= Given entries =

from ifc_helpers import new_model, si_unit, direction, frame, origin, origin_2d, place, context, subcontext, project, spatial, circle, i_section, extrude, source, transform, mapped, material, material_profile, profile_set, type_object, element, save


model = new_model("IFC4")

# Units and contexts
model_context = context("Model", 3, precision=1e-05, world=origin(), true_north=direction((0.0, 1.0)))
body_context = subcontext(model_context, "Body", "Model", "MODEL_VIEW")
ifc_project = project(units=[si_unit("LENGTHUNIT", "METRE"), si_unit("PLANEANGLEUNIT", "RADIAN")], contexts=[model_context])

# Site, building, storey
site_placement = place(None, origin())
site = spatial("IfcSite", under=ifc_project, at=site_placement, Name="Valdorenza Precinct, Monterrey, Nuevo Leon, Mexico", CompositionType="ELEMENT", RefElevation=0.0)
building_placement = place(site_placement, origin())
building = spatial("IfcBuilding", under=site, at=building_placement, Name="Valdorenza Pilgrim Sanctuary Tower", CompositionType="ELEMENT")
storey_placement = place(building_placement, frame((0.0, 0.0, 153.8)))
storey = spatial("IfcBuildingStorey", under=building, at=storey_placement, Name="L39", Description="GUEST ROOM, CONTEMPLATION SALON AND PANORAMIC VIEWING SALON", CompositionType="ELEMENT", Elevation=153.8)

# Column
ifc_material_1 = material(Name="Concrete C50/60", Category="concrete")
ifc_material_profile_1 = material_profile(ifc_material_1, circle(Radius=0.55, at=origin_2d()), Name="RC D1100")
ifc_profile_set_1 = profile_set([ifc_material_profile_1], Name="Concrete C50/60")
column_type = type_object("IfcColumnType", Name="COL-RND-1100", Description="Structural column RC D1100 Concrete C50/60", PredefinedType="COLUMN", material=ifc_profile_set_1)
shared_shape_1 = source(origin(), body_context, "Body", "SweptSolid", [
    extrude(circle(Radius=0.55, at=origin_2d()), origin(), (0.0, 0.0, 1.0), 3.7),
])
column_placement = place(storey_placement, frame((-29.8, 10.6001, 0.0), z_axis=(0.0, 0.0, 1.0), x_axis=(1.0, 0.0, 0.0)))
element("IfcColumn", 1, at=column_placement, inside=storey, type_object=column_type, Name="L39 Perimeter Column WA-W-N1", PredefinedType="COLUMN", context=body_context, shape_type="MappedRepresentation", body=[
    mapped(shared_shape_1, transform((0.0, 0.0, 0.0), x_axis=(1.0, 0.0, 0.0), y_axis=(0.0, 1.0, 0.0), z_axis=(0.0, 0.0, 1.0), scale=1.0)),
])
==
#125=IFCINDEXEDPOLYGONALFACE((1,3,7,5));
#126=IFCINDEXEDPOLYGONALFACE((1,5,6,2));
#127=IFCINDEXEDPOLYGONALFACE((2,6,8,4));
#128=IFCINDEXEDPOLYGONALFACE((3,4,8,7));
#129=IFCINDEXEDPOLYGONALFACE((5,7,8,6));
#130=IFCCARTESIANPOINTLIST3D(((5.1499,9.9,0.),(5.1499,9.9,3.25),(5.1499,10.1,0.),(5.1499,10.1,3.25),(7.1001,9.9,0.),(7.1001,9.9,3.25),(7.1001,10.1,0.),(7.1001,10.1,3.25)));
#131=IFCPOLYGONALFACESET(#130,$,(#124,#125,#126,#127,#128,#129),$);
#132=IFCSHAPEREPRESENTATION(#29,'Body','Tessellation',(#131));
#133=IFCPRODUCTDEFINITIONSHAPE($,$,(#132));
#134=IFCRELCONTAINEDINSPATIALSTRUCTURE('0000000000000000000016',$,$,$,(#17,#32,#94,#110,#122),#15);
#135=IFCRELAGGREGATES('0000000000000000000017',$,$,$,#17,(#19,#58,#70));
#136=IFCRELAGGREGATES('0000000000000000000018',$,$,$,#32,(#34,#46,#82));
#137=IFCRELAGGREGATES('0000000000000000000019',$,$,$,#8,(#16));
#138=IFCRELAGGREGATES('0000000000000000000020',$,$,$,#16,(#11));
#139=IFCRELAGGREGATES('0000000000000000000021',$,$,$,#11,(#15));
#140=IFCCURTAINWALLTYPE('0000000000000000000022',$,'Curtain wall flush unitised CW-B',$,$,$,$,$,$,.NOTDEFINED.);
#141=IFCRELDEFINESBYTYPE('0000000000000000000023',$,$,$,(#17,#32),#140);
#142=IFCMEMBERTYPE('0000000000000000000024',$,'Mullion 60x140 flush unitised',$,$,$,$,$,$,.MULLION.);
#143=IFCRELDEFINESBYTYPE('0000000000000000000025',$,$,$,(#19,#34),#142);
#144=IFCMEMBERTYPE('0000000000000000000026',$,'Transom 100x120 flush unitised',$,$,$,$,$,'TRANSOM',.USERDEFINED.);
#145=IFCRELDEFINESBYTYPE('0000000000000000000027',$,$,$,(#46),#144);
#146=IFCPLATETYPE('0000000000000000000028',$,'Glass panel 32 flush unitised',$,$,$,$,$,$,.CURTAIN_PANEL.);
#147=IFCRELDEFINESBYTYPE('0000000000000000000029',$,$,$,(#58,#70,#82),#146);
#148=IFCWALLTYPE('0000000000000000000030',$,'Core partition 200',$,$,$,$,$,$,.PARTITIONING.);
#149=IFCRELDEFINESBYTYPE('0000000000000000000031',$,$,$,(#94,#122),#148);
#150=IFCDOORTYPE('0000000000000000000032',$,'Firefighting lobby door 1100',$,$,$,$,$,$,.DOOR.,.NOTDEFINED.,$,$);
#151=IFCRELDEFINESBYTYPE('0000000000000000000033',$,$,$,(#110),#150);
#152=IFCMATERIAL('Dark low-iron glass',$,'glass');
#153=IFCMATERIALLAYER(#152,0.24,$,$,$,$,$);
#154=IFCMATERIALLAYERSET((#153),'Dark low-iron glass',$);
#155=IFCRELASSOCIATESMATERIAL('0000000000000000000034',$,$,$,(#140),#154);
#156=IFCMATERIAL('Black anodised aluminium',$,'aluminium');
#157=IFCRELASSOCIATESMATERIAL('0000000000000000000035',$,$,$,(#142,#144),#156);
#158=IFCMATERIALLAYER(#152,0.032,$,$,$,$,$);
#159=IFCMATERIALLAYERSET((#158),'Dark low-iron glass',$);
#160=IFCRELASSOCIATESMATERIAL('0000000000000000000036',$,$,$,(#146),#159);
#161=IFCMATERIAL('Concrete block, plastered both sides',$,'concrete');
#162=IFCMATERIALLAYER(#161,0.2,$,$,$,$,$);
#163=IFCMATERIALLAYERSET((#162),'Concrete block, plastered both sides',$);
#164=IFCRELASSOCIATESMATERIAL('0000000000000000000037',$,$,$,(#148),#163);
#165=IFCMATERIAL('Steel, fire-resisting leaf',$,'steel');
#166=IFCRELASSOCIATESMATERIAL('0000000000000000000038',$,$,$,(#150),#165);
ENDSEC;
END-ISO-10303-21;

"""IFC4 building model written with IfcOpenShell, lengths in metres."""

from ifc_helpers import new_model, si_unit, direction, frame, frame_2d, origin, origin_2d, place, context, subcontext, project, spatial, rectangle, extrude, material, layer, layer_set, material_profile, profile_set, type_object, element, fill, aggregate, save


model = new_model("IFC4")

= What this task involves =
Find every line in the records above that holds the word "IFCMATERIALLAYERSET", and copy each one.

= Result =
#154=IFCMATERIALLAYERSET((#153),'Dark low-iron glass',$);
#159=IFCMATERIALLAYERSET((#158),'Dark low-iron glass',$);
#163=IFCMATERIALLAYERSET((#162),'Concrete block, plastered both sides',$);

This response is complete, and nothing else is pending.